══ Recorded information ══

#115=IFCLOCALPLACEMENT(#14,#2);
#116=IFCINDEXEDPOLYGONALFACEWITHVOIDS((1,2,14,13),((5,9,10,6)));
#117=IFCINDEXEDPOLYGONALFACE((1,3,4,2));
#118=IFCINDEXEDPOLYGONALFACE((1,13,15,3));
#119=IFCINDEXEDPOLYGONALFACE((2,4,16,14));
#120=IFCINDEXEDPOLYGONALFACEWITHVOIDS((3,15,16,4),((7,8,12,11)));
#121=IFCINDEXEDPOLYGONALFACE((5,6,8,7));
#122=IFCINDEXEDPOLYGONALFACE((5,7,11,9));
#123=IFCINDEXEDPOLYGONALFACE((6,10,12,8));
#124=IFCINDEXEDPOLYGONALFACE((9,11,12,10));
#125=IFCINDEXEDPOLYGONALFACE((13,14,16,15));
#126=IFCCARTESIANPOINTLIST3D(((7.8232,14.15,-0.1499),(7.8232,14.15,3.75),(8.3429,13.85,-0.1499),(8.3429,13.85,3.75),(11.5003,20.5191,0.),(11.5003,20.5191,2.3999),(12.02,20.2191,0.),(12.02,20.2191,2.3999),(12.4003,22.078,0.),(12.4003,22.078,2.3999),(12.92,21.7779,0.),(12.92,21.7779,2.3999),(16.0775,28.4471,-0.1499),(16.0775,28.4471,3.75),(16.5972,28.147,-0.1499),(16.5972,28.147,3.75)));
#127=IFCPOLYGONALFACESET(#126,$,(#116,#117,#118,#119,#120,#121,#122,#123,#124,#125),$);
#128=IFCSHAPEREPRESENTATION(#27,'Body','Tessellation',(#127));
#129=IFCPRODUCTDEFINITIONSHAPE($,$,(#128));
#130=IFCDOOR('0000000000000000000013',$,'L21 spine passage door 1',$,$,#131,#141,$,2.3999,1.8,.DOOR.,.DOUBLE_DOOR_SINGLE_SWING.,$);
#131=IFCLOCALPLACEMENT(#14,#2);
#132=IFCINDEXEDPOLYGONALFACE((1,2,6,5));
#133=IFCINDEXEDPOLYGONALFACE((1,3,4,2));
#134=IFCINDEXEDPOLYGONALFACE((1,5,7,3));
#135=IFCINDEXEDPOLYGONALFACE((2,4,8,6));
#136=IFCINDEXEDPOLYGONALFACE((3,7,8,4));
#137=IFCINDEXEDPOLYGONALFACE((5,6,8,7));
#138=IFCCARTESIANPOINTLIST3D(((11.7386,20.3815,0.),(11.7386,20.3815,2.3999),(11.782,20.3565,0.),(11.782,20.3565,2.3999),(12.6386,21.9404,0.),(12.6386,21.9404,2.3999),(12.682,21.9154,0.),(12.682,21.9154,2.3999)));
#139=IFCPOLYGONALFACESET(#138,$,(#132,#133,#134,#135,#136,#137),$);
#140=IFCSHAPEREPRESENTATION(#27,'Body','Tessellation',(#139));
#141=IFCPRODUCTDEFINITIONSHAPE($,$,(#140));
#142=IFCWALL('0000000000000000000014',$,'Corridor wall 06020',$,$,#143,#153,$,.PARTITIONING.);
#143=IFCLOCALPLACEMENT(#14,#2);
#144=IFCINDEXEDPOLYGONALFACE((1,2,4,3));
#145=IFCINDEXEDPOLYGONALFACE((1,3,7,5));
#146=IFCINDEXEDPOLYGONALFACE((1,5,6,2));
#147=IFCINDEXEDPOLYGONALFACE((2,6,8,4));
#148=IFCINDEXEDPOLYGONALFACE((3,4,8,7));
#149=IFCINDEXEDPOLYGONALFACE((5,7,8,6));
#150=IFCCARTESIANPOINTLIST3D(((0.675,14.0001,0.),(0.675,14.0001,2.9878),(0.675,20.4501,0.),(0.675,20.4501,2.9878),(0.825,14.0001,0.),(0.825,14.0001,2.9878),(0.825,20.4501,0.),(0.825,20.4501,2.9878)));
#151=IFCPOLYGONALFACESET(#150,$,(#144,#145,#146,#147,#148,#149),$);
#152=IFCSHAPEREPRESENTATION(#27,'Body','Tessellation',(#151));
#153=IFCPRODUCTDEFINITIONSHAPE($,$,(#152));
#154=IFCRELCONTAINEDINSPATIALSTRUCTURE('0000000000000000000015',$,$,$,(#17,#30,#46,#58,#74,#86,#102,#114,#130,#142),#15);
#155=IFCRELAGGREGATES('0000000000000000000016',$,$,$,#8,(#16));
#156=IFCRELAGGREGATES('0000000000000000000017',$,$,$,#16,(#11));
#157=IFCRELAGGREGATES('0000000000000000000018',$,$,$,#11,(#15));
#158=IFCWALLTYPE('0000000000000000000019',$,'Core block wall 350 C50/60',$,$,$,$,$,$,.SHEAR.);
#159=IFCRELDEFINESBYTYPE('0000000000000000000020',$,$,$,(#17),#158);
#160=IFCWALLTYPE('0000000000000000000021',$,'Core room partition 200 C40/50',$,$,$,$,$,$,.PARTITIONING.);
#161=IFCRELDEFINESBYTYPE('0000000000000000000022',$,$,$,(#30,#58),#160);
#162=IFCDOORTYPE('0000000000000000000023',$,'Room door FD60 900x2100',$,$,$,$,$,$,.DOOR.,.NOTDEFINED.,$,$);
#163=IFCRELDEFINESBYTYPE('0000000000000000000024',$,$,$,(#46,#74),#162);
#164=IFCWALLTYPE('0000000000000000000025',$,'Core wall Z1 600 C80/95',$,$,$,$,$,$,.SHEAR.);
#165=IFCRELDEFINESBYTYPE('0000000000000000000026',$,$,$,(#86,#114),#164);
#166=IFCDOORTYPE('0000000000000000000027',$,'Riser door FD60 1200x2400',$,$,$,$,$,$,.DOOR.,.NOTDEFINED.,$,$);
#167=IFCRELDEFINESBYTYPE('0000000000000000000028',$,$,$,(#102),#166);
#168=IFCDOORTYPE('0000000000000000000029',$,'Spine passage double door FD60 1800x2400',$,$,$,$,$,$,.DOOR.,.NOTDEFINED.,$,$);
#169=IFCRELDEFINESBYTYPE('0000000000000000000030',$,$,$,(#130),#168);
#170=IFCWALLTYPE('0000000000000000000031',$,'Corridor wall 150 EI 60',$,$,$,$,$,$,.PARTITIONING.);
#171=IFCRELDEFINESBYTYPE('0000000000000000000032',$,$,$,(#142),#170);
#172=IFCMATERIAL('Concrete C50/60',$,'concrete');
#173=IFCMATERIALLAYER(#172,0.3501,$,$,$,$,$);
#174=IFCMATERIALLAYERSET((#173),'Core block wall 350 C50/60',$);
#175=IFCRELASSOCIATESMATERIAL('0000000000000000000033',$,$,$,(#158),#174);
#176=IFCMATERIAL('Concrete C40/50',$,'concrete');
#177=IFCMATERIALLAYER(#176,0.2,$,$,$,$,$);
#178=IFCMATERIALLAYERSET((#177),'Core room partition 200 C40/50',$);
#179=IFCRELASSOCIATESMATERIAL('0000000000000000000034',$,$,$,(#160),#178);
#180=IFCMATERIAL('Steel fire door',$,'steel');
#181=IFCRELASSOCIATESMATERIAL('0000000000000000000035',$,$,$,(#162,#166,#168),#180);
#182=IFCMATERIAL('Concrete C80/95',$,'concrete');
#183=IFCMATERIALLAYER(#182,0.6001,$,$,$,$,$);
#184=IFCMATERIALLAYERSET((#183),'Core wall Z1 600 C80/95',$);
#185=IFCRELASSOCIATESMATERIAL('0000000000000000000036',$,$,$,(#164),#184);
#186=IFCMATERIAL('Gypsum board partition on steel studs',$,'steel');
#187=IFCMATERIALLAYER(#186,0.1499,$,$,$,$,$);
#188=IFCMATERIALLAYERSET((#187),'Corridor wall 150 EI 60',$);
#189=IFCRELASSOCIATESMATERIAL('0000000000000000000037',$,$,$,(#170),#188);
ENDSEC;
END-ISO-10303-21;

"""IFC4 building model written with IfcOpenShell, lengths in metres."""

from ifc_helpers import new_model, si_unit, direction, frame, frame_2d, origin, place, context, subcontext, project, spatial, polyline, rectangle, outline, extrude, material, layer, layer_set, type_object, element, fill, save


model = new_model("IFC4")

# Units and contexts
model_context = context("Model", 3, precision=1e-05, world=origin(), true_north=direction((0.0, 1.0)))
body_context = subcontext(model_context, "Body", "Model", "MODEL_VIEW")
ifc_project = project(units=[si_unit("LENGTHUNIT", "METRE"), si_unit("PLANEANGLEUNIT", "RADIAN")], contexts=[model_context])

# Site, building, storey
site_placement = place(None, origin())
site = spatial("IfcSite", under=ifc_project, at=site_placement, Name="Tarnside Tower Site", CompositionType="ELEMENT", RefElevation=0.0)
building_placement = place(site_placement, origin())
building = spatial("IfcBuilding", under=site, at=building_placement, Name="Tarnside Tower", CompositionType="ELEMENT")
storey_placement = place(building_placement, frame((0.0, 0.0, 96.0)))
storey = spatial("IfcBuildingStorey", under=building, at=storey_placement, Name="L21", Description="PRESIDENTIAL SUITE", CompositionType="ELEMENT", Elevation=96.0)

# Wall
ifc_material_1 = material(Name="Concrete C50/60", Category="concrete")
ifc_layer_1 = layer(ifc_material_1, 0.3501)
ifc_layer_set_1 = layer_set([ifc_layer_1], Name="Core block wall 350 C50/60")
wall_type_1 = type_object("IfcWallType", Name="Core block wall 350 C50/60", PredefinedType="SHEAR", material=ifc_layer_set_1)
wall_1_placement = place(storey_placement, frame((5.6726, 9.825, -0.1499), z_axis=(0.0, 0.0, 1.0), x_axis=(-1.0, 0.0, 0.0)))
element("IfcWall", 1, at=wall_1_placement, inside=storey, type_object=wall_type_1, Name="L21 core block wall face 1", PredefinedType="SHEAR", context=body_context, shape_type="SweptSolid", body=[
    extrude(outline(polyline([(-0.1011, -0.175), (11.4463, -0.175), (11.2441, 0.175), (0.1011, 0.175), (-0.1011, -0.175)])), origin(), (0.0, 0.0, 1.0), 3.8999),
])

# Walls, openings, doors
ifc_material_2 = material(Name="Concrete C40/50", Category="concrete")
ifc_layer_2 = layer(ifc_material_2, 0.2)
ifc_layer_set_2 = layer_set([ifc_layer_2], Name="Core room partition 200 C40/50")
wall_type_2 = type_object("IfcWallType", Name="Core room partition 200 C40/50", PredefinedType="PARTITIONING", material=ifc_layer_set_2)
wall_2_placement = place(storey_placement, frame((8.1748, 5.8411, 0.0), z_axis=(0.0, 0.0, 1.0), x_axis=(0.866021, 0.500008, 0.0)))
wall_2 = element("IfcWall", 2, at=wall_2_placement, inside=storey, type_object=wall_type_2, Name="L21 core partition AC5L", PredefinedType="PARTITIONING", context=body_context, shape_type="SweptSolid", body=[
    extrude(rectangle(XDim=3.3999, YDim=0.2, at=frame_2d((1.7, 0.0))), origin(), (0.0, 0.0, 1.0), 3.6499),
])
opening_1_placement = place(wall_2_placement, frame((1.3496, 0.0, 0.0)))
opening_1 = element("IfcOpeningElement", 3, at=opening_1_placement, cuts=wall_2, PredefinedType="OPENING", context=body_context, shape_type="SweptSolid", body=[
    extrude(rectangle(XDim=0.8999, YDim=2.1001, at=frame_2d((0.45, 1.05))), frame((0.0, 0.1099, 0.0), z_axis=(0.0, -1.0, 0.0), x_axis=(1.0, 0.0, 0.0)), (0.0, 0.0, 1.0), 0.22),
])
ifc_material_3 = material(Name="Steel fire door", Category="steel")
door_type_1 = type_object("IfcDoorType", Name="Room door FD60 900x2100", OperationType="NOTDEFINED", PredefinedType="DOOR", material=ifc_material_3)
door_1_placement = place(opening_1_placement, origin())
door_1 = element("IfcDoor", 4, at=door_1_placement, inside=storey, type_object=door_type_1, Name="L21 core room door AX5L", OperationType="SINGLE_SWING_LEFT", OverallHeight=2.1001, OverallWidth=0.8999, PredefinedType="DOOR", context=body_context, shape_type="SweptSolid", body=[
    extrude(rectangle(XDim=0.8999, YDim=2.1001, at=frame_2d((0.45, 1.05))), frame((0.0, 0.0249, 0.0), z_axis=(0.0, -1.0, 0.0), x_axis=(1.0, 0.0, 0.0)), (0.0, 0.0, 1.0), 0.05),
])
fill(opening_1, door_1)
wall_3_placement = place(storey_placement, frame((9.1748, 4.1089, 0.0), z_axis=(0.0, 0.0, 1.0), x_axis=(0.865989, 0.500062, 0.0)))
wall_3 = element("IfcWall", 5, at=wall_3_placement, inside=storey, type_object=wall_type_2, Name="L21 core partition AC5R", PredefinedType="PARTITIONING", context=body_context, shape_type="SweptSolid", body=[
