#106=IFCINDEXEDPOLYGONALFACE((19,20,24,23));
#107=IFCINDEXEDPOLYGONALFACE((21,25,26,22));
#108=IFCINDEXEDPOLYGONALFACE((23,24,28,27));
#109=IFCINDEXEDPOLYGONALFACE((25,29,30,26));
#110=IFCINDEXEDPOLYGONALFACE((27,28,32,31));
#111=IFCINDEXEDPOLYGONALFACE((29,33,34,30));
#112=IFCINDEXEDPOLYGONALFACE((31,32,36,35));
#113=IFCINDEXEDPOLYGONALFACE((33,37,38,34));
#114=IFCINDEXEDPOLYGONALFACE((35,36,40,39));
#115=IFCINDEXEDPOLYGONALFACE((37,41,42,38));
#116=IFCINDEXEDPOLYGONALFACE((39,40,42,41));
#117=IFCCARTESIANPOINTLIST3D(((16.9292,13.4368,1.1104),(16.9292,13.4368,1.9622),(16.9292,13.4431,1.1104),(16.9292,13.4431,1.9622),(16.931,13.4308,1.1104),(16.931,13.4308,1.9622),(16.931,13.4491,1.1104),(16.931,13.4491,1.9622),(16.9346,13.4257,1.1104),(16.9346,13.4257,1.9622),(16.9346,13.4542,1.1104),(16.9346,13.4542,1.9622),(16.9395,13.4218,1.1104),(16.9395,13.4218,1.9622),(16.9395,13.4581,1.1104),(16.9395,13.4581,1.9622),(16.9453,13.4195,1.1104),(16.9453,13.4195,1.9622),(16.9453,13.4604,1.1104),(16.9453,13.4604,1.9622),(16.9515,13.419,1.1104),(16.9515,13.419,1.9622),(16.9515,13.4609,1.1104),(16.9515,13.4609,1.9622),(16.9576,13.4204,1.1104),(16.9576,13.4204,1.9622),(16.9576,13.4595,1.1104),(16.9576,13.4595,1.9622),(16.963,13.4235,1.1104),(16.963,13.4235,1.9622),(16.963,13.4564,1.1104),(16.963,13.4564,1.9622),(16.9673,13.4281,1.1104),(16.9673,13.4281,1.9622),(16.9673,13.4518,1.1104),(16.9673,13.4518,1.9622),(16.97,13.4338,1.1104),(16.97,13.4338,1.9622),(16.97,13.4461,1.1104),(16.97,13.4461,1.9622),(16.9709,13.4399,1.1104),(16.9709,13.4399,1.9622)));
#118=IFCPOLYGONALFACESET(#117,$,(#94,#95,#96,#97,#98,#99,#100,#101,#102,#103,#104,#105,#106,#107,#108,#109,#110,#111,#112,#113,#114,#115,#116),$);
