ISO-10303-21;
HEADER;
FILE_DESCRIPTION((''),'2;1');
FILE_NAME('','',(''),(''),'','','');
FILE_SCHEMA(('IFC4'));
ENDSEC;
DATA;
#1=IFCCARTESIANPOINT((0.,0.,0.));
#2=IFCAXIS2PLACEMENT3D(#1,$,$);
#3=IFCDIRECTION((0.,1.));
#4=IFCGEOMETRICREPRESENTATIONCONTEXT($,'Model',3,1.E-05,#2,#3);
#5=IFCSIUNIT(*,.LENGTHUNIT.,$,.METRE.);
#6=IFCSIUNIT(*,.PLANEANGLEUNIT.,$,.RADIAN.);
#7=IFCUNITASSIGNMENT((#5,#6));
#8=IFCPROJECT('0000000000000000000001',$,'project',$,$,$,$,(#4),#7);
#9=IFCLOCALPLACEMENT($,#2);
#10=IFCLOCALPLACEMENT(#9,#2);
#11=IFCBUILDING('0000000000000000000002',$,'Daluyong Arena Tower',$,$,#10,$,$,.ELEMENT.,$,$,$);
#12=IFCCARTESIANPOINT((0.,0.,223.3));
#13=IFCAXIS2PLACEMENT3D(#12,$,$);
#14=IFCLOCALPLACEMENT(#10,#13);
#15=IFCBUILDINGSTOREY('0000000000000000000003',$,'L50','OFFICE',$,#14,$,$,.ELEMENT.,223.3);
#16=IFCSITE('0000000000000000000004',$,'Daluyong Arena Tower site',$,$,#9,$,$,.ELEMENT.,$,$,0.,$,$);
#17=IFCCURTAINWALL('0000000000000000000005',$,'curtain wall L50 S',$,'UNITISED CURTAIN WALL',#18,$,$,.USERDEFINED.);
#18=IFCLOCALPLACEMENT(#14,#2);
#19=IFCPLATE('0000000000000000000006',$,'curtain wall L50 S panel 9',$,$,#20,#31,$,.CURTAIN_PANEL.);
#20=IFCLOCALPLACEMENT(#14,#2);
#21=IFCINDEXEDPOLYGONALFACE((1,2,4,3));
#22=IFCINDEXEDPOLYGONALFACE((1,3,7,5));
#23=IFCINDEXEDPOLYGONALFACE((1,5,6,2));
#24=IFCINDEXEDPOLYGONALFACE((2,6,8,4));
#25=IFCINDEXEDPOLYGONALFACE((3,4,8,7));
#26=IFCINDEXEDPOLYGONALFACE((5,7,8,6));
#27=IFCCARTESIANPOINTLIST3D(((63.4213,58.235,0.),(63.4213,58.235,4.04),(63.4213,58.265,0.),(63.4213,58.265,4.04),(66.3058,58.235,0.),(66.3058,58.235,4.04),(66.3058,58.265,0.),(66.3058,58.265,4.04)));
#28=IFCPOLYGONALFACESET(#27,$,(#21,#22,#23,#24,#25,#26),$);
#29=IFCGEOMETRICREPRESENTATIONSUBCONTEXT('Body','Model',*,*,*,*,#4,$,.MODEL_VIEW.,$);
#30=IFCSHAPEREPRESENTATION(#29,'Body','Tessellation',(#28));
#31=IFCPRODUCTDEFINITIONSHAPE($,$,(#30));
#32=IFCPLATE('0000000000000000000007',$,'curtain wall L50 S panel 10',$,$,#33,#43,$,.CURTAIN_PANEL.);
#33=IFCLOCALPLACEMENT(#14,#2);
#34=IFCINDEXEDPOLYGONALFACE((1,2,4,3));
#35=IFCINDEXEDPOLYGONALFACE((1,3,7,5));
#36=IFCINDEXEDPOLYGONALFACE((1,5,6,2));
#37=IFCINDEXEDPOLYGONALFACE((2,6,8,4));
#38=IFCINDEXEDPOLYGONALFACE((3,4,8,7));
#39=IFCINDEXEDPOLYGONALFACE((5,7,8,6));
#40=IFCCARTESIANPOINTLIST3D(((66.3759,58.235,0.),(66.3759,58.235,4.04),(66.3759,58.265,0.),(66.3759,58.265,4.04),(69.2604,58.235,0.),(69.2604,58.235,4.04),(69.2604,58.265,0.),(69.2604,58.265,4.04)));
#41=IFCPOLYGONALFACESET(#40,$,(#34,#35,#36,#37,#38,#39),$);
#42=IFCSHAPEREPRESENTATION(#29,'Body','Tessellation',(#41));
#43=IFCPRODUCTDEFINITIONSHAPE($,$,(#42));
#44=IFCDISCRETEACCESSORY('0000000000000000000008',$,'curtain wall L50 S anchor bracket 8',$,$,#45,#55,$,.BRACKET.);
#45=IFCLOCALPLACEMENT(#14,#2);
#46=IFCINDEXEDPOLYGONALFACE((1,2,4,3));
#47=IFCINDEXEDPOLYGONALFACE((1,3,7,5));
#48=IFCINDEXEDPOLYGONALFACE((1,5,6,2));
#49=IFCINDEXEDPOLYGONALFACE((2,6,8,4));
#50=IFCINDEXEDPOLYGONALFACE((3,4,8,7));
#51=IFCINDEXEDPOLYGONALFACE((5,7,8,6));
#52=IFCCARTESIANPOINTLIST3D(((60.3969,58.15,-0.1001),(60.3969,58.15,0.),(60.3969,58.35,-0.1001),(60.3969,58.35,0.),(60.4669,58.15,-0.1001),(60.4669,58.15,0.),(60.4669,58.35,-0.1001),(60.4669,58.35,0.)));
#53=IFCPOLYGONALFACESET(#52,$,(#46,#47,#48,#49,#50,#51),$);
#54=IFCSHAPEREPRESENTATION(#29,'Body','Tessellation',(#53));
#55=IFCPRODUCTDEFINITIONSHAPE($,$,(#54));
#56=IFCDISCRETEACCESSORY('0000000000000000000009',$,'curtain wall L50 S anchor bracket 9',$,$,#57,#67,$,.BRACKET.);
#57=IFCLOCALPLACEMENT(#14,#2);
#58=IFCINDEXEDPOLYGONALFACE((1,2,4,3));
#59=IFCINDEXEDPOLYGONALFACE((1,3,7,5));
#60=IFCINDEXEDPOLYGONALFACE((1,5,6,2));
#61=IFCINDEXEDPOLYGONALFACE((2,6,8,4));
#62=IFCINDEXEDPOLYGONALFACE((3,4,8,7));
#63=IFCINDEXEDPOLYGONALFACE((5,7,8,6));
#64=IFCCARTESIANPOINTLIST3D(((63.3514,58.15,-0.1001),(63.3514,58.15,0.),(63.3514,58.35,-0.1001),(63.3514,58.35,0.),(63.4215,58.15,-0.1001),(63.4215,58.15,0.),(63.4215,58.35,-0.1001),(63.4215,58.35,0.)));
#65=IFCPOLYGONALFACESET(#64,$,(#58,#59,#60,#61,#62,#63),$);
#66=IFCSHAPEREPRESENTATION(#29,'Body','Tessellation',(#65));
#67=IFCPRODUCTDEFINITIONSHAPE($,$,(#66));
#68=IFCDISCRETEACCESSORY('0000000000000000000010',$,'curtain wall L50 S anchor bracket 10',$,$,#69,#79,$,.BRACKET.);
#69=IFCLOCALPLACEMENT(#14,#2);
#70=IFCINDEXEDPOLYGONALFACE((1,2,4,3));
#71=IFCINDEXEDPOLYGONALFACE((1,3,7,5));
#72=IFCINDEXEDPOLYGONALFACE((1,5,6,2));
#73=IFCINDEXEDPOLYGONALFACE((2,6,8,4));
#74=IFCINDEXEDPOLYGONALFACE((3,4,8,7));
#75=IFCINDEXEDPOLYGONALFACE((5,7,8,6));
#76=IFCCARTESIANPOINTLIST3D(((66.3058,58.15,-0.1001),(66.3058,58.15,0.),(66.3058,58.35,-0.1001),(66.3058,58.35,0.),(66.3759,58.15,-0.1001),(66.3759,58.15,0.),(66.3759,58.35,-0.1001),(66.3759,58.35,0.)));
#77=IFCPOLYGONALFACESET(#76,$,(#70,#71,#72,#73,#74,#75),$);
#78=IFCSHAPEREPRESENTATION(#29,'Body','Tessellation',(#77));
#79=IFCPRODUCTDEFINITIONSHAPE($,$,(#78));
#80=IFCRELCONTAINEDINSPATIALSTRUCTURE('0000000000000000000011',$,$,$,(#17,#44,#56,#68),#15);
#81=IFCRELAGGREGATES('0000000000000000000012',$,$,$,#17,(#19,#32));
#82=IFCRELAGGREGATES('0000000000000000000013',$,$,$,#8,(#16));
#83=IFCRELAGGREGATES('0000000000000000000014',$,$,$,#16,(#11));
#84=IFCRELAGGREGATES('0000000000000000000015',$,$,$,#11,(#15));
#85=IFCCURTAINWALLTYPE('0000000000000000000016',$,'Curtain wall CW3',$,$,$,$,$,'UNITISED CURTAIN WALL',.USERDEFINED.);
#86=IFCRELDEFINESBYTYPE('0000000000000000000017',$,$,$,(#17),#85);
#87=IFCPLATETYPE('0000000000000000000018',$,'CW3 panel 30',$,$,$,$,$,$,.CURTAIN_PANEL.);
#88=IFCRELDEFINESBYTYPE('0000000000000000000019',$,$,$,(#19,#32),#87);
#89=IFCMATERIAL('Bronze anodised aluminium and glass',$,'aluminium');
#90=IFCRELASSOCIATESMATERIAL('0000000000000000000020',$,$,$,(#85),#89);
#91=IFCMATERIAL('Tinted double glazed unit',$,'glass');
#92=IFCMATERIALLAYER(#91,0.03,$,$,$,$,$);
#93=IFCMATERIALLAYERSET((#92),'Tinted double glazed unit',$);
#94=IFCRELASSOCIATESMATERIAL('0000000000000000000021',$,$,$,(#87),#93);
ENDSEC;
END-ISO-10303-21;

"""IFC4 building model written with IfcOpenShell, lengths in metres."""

from ifc_helpers import new_model, si_unit, direction, frame, origin, origin_2d, place, context, subcontext, project, spatial, rectangle, extrude, material, layer, layer_set, type_object, element, aggregate, save


model = new_model("IFC4")

# Units and contexts
model_context = context("Model", 3, precision=1e-05, world=origin(), true_north=direction((0.0, 1.0)))
body_context = subcontext(model_context, "Body", "Model", "MODEL_VIEW")
ifc_project = project(units=[si_unit("LENGTHUNIT", "METRE"), si_unit("PLANEANGLEUNIT", "RADIAN")], contexts=[model_context])

# Site, building, storey
site_placement = place(None, origin())
site = spatial("IfcSite", under=ifc_project, at=site_placement, Name="Daluyong Arena Tower site", CompositionType="ELEMENT", RefElevation=0.0)
building_placement = place(site_placement, origin())
building = spatial("IfcBuilding", under=site, at=building_placement, Name="Daluyong Arena Tower", CompositionType="ELEMENT")
storey_placement = place(building_placement, frame((0.0, 0.0, 223.3)))
storey = spatial("IfcBuildingStorey", under=building, at=storey_placement, Name="L50", Description="OFFICE", CompositionType="ELEMENT", Elevation=223.3)

# Curtain wall
ifc_material_1 = material(Name="Bronze anodised aluminium and glass", Category="aluminium")
curtain_wall_type = type_object("IfcCurtainWallType", Name="Curtain wall CW3", ElementType="UNITISED CURTAIN WALL", PredefinedType="USERDEFINED", material=ifc_material_1)
curtain_wall_placement = place(storey_placement, origin())
curtain_wall = element("IfcCurtainWall", 1, at=curtain_wall_placement, inside=storey, type_object=curtain_wall_type, Name="curtain wall L50 S", ObjectType="UNITISED CURTAIN WALL", PredefinedType="USERDEFINED")

# Plates
ifc_material_2 = material(Name="Tinted double glazed unit", Category="glass")
ifc_layer = layer(ifc_material_2, 0.03)
ifc_layer_set = layer_set([ifc_layer], Name="Tinted double glazed unit")
plate_type = type_object("IfcPlateType", Name="CW3 panel 30", PredefinedType="CURTAIN_PANEL", material=ifc_layer_set)
plate_1_placement = place(storey_placement, frame((64.8635, 58.25, 0.0), z_axis=(0.0, 0.0, 1.0), x_axis=(1.0, 0.0, 0.0)))
plate_1 = element("IfcPlate", 2, at=plate_1_placement, type_object=plate_type, Name="curtain wall L50 S panel 9", PredefinedType="CURTAIN_PANEL", context=body_context, shape_type="SweptSolid", body=[
    extrude(rectangle(XDim=2.8845, YDim=0.03, at=origin_2d()), origin(), (0.0, 0.0, 1.0), 4.04),
])
plate_2_placement = place(storey_placement, frame((67.8181, 58.25, 0.0), z_axis=(0.0, 0.0, 1.0), x_axis=(1.0, 0.0, 0.0)))
plate_2 = element("IfcPlate", 3, at=plate_2_placement, type_object=plate_type, Name="curtain wall L50 S panel 10", PredefinedType="CURTAIN_PANEL", context=body_context, shape_type="SweptSolid", body=[
    extrude(rectangle(XDim=2.8845, YDim=0.03, at=origin_2d()), origin(), (0.0, 0.0, 1.0), 4.04),
])
aggregate(curtain_wall, [plate_1, plate_2])

# Discrete accessories
for number, where, z_axis, x_axis, name in (
    (4, (60.4319, 58.25, -0.1001), (0.0, 0.0, 1.0), (1.0, 0.0, 0.0), "curtain wall L50 S anchor bracket 8"),
    (5, (63.3865, 58.25, -0.1001), (0.0, 0.0, 1.0), (1.0, 0.0, 0.0), "curtain wall L50 S anchor bracket 9"),
    (6, (66.3408, 58.25, -0.1001), (0.0, 0.0, 1.0), (1.0, 0.0, 0.0), "curtain wall L50 S anchor bracket 10"),
):
    element("IfcDiscreteAccessory", number, at=place(storey_placement, frame(where, z_axis=z_axis, x_axis=x_axis)), inside=storey, Name=name, PredefinedType="BRACKET", context=body_context, shape_type="SweptSolid", body=[
        extrude(rectangle(XDim=0.0701, YDim=0.2, at=origin_2d()), origin(), (0.0, 0.0, 1.0), 0.1001),
    ])

save(model, "model.ifc")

═══

— Problem —
What lines in the records contain the word "fire"? Return each one.

— Completed exercise —
#180=IFCMATERIAL('Steel fire door',$,'steel');
ifc_material_3 = material(Name="Steel fire door", Category="steel")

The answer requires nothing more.